Find the line containing "#54=IFCINDEXEDPOLYGONALFACE((5,7,11,9));" in the records below. Copy exactly that line and each one after it, ending at the line containing "#64=IFCINDEXEDPOLYGONALFACE((1,2,6,5));", and nothing more.

Stored data entries:
--------

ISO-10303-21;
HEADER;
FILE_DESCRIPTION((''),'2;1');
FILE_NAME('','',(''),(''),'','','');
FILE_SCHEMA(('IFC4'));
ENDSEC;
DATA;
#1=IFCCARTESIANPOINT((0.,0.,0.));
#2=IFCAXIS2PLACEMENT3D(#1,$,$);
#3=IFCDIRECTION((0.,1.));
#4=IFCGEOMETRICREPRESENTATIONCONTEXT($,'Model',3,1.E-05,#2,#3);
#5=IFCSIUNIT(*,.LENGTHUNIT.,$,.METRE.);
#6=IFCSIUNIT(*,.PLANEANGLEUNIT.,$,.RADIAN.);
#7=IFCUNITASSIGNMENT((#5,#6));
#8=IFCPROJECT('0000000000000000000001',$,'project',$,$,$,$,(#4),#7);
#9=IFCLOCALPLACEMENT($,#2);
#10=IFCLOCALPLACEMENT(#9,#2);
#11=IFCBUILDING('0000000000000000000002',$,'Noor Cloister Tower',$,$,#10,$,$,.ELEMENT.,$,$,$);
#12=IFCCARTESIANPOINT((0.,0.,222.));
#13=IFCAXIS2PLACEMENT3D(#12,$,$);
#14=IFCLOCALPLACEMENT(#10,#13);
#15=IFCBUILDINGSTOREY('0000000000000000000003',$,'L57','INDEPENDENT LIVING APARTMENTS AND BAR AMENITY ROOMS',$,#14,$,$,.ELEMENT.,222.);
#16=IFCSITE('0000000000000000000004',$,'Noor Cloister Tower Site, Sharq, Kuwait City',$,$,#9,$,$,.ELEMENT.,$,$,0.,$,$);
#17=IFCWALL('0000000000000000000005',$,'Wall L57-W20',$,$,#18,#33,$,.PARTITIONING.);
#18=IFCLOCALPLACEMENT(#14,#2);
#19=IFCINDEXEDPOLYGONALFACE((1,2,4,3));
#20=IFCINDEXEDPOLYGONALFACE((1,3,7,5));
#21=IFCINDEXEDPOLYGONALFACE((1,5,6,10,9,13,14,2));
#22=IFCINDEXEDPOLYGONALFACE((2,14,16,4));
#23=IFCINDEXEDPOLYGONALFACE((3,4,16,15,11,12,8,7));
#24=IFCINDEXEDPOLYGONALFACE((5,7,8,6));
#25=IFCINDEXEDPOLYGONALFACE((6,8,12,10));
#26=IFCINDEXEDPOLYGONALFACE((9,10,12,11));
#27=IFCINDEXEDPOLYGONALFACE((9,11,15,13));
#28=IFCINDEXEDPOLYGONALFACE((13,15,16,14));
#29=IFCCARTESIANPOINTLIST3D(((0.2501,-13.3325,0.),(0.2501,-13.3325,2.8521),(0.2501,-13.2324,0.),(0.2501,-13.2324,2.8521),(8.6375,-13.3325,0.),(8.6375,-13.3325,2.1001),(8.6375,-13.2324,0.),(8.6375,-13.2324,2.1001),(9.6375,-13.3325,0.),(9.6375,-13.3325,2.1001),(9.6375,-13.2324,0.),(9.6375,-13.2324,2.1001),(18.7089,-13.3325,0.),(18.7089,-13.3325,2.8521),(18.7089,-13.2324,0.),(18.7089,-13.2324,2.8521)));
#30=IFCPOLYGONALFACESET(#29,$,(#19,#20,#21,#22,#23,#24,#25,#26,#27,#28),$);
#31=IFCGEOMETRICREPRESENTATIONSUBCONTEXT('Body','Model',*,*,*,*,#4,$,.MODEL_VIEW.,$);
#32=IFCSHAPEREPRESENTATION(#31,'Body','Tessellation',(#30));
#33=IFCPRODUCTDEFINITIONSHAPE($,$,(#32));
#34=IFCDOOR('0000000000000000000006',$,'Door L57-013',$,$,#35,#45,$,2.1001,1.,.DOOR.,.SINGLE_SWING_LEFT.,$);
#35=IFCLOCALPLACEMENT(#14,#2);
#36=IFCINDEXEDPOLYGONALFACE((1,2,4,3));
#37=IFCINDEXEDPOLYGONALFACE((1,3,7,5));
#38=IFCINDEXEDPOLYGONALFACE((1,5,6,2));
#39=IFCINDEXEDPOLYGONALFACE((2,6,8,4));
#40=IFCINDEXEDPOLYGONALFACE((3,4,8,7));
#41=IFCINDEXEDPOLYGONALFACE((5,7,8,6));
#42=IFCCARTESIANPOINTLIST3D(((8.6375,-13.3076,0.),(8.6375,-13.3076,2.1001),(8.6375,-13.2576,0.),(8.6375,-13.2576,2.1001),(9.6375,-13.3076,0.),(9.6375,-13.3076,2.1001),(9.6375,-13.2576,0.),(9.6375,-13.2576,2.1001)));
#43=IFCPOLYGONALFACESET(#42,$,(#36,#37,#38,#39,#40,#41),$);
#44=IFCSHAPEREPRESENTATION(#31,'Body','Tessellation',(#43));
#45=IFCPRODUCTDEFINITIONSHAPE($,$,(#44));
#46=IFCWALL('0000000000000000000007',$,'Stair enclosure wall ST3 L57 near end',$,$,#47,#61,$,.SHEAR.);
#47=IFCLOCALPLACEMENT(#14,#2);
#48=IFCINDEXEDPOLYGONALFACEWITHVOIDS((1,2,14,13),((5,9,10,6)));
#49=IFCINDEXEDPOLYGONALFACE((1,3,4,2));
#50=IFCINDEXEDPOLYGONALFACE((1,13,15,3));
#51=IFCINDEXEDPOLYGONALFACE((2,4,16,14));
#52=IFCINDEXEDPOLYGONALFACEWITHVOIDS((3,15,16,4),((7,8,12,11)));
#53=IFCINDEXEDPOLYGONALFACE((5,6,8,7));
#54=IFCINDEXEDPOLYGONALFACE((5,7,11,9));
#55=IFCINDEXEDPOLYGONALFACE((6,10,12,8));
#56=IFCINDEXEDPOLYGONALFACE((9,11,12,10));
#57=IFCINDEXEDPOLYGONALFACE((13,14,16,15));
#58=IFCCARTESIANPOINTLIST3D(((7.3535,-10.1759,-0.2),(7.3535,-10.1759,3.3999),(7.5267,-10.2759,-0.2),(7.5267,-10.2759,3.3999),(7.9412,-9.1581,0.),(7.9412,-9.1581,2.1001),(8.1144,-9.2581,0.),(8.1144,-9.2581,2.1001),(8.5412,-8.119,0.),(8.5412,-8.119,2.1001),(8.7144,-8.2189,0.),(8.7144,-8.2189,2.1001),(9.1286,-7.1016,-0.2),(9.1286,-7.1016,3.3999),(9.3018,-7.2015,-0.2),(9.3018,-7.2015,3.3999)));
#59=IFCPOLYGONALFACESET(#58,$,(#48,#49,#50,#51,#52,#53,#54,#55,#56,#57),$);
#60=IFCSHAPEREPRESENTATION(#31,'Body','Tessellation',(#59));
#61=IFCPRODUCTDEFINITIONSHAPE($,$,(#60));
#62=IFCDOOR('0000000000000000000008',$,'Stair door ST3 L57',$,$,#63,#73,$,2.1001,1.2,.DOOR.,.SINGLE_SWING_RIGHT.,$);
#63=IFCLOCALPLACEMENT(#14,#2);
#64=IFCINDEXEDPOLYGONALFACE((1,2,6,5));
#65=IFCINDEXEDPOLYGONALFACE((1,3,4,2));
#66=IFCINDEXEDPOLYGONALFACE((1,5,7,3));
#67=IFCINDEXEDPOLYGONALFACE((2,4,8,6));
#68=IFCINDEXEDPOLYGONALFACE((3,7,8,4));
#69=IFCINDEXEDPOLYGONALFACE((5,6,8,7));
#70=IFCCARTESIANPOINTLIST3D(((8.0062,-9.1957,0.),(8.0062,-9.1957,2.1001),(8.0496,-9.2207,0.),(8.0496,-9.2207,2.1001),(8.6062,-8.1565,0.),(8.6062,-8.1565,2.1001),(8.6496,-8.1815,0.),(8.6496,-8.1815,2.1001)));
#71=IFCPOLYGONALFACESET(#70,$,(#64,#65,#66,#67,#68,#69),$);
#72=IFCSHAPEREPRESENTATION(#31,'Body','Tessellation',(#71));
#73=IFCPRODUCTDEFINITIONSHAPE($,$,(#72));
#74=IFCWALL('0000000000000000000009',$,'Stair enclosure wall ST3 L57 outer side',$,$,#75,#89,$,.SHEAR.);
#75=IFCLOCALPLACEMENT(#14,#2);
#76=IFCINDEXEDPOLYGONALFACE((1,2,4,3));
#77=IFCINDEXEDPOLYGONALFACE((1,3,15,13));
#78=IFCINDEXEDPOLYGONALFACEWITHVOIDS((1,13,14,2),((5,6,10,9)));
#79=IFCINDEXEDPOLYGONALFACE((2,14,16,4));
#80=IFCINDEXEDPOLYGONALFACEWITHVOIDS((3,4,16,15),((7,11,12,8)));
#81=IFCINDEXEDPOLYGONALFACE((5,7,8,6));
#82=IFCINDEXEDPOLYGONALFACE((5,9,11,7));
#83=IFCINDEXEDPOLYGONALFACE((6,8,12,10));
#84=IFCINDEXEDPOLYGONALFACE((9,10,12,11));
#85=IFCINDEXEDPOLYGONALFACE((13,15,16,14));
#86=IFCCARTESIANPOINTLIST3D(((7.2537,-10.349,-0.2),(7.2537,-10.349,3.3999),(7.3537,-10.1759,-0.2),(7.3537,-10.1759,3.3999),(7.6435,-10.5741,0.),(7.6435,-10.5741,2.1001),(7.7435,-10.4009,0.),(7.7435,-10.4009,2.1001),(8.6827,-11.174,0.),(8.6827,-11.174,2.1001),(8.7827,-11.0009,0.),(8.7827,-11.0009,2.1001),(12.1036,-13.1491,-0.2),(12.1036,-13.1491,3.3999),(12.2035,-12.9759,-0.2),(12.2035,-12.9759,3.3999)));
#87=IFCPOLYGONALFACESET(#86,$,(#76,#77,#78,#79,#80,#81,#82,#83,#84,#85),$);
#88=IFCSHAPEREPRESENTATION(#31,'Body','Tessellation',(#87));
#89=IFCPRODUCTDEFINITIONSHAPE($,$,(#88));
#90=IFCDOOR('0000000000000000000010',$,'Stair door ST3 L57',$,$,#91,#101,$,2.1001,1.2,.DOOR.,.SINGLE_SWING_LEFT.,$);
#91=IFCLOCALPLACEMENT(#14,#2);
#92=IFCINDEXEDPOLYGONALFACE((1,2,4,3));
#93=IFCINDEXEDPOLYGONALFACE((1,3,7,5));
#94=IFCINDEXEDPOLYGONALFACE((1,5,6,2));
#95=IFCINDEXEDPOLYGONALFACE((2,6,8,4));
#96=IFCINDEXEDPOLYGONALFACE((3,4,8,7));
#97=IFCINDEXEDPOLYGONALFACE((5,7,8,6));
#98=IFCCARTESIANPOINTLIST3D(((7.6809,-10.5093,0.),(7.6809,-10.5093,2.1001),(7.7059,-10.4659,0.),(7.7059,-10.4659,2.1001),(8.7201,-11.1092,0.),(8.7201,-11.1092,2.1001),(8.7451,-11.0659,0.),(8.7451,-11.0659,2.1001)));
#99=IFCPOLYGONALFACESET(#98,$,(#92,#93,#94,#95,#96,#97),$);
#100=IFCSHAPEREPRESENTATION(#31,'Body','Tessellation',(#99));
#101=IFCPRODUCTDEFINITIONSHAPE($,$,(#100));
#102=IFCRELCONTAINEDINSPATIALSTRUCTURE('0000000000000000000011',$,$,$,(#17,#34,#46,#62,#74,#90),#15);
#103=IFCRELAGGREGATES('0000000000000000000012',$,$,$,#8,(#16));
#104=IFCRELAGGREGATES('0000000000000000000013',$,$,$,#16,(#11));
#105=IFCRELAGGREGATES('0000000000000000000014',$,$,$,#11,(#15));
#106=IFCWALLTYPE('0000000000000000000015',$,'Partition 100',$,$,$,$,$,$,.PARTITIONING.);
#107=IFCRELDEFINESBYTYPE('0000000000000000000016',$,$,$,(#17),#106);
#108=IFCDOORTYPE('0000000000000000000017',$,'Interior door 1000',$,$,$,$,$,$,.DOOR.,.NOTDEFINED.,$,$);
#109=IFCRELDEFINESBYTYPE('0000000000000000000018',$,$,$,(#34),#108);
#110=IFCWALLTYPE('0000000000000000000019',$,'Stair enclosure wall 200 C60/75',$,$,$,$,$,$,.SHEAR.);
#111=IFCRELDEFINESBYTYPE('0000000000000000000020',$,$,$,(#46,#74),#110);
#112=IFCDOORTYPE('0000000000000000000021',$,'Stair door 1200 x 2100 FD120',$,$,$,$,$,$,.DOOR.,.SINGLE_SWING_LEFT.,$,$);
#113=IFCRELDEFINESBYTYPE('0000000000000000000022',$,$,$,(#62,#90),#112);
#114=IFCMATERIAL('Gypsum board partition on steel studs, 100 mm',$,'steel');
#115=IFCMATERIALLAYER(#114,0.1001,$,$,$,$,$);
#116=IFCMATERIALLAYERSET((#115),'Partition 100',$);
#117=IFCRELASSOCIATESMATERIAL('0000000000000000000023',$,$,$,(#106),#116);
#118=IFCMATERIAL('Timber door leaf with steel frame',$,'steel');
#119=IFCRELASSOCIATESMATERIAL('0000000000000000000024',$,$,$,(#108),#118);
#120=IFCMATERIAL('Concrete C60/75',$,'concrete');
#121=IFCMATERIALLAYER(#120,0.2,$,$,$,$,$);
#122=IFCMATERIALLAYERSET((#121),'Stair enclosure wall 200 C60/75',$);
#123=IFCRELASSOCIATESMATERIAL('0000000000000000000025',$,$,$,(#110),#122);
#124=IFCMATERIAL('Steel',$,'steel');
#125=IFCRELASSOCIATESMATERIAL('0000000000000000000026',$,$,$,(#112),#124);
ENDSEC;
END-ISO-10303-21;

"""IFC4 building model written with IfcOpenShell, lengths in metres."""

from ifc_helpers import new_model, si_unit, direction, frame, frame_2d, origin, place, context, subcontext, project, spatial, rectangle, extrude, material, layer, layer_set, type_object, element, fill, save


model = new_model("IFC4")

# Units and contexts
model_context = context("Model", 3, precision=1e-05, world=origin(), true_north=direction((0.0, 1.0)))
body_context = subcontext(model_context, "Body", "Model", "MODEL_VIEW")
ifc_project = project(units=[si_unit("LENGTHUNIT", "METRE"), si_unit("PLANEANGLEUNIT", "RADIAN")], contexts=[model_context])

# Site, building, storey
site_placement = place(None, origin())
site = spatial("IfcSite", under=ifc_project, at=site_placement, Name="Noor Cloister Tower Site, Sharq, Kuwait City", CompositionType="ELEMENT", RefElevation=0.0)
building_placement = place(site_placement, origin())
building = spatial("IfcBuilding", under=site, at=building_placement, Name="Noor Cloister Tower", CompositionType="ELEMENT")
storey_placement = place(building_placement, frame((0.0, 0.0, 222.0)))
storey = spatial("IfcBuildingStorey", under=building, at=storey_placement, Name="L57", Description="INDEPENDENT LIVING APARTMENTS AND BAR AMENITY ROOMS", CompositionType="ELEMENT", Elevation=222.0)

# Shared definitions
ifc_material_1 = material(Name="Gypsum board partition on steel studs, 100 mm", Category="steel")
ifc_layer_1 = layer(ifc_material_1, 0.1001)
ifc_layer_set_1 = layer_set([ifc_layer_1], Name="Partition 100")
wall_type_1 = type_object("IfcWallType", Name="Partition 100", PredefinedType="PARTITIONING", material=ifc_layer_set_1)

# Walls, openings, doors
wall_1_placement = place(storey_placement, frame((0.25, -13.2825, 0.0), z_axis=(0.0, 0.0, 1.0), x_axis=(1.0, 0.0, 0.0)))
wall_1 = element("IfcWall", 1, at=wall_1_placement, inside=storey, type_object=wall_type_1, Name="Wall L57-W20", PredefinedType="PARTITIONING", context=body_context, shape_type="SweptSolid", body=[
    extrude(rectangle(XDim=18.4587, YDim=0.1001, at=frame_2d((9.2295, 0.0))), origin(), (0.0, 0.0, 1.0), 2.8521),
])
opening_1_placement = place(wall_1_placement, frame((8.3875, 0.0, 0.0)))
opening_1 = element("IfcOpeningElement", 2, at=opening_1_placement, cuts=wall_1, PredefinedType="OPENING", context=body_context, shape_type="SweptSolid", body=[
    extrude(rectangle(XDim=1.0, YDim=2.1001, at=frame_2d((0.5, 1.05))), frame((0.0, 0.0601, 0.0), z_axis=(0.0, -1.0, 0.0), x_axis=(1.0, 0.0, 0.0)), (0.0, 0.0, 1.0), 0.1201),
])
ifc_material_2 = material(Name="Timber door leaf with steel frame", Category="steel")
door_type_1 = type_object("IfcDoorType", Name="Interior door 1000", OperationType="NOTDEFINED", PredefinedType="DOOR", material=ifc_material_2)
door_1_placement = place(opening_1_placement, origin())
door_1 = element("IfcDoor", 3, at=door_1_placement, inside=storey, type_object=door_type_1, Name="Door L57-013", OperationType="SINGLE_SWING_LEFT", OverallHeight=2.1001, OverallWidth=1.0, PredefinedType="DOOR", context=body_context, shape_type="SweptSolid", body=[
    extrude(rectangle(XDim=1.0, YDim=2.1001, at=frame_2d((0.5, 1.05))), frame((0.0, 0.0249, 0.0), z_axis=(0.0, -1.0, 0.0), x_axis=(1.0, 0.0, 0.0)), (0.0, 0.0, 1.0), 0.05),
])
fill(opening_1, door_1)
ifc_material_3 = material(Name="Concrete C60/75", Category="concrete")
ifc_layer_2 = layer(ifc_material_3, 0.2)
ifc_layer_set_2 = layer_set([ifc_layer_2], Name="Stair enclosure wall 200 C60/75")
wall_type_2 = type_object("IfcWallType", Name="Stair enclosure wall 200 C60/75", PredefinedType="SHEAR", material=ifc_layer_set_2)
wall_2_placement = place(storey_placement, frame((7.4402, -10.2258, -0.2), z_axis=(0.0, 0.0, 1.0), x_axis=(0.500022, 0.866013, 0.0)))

--------

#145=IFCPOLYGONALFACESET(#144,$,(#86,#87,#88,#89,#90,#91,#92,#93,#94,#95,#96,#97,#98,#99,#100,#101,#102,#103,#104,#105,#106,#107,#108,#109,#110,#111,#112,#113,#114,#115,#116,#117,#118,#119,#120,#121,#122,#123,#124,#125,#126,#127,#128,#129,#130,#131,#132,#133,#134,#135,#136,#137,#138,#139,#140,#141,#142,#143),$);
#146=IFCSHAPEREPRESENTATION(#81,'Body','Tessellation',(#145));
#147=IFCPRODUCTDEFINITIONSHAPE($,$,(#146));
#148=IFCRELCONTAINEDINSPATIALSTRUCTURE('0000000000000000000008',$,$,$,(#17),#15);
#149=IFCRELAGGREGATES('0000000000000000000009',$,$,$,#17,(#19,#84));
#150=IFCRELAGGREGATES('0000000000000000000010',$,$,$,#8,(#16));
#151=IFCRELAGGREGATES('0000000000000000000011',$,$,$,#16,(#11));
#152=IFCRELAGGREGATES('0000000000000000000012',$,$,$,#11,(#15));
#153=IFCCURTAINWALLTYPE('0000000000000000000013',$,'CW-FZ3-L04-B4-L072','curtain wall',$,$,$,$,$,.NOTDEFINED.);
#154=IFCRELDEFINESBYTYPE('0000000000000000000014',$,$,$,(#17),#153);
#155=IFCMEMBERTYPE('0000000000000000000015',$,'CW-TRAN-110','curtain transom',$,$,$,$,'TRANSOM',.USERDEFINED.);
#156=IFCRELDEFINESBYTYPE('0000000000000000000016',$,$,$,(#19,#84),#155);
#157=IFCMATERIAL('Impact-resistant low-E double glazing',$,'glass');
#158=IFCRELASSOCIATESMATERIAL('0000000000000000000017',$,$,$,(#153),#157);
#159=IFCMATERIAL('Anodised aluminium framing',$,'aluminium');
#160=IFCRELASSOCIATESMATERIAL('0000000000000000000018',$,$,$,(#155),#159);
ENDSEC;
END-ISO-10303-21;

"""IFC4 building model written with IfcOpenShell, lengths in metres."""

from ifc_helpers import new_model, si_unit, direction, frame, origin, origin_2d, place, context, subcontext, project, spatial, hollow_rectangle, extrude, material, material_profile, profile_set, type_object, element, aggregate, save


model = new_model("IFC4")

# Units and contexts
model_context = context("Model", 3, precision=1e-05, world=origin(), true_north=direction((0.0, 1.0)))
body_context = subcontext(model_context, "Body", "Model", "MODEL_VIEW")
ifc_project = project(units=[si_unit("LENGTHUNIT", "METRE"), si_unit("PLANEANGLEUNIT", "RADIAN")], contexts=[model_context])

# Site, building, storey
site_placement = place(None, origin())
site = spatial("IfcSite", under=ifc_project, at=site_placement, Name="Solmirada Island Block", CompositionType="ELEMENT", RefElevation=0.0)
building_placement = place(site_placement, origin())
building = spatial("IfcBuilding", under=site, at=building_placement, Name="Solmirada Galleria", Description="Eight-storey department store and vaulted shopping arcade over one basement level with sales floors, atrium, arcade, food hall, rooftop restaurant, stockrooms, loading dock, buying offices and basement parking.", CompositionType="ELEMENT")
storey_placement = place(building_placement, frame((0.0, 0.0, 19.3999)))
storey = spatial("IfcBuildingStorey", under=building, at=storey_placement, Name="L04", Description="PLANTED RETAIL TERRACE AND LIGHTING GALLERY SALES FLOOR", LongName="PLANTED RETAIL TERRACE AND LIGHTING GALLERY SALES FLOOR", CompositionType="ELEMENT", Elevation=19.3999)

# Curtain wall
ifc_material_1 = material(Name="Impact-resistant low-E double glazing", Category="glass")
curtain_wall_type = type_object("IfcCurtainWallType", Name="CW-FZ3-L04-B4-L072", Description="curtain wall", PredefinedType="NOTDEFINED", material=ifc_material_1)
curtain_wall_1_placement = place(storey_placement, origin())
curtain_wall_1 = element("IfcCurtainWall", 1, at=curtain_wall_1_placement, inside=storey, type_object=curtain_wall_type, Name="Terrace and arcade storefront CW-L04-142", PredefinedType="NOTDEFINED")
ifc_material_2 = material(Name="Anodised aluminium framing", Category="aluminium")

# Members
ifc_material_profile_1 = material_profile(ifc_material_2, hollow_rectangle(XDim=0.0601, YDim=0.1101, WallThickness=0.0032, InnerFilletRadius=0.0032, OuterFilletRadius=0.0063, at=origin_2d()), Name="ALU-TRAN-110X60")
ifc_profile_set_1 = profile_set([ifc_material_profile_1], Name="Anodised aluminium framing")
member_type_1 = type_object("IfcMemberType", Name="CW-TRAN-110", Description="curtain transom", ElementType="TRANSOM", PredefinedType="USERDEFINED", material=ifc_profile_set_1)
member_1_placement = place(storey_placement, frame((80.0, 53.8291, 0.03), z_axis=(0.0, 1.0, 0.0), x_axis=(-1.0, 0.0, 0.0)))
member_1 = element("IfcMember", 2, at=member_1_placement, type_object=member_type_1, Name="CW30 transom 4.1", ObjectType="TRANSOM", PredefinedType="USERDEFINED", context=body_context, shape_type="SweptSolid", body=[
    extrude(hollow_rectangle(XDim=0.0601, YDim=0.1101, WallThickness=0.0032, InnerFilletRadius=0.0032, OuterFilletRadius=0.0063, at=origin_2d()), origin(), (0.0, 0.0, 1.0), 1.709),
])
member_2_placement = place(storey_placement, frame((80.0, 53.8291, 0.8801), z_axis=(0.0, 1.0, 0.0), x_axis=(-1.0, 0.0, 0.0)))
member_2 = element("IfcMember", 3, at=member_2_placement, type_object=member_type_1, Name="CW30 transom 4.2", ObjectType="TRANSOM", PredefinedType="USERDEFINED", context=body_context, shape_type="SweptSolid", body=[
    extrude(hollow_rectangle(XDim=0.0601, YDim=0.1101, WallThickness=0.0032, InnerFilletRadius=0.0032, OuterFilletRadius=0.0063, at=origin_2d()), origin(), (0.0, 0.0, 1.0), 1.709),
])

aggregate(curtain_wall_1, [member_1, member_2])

--------

Completed task:
#54=IFCINDEXEDPOLYGONALFACE((5,7,11,9));
#55=IFCINDEXEDPOLYGONALFACE((6,10,12,8));
#56=IFCINDEXEDPOLYGONALFACE((9,11,12,10));
#57=IFCINDEXEDPOLYGONALFACE((13,14,16,15));
#58=IFCCARTESIANPOINTLIST3D(((7.3535,-10.1759,-0.2),(7.3535,-10.1759,3.3999),(7.5267,-10.2759,-0.2),(7.5267,-10.2759,3.3999),(7.9412,-9.1581,0.),(7.9412,-9.1581,2.1001),(8.1144,-9.2581,0.),(8.1144,-9.2581,2.1001),(8.5412,-8.119,0.),(8.5412,-8.119,2.1001),(8.7144,-8.2189,0.),(8.7144,-8.2189,2.1001),(9.1286,-7.1016,-0.2),(9.1286,-7.1016,3.3999),(9.3018,-7.2015,-0.2),(9.3018,-7.2015,3.3999)));
#59=IFCPOLYGONALFACESET(#58,$,(#48,#49,#50,#51,#52,#53,#54,#55,#56,#57),$);
#60=IFCSHAPEREPRESENTATION(#31,'Body','Tessellation',(#59));
#61=IFCPRODUCTDEFINITIONSHAPE($,$,(#60));
#62=IFCDOOR('0000000000000000000008',$,'Stair door ST3 L57',$,$,#63,#73,$,2.1001,1.2,.DOOR.,.SINGLE_SWING_RIGHT.,$);
#63=IFCLOCALPLACEMENT(#14,#2);
#64=IFCINDEXEDPOLYGONALFACE((1,2,6,5));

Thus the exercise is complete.